* _What you will do_: Take the data below and copy exactly the lines starting at the one with "#49=IFCLOCALPLACEMENT(#12,#2);" and finishing at the one with "#56=IFCINDEXEDPOLYGONALFACE((7,11,12,8));", both included.

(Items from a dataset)
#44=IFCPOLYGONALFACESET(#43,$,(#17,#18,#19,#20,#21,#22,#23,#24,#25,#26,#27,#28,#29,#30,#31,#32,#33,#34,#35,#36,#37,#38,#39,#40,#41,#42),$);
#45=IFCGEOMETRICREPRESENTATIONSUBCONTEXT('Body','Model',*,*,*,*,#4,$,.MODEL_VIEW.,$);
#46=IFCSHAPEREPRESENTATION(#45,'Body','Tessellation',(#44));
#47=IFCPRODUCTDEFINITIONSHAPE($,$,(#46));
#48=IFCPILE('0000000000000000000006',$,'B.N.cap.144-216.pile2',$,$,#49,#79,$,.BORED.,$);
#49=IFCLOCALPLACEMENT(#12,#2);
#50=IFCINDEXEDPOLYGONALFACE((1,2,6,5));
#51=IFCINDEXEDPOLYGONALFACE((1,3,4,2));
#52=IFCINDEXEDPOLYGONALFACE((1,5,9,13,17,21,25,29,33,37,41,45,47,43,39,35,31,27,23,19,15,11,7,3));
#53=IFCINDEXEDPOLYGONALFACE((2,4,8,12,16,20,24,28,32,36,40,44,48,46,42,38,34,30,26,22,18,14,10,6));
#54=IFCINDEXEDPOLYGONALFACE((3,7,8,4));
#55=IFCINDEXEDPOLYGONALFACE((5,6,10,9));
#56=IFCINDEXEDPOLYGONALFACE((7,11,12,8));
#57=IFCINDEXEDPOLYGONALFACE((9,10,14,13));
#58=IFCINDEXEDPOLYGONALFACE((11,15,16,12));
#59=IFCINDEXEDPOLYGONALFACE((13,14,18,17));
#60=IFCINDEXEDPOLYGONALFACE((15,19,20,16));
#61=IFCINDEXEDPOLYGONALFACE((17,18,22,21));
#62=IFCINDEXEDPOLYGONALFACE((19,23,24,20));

* _Exercise solution_:
#49=IFCLOCALPLACEMENT(#12,#2);
#50=IFCINDEXEDPOLYGONALFACE((1,2,6,5));
#51=IFCINDEXEDPOLYGONALFACE((1,3,4,2));
#52=IFCINDEXEDPOLYGONALFACE((1,5,9,13,17,21,25,29,33,37,41,45,47,43,39,35,31,27,23,19,15,11,7,3));
#53=IFCINDEXEDPOLYGONALFACE((2,4,8,12,16,20,24,28,32,36,40,44,48,46,42,38,34,30,26,22,18,14,10,6));
#54=IFCINDEXEDPOLYGONALFACE((3,7,8,4));
#55=IFCINDEXEDPOLYGONALFACE((5,6,10,9));
#56=IFCINDEXEDPOLYGONALFACE((7,11,12,8));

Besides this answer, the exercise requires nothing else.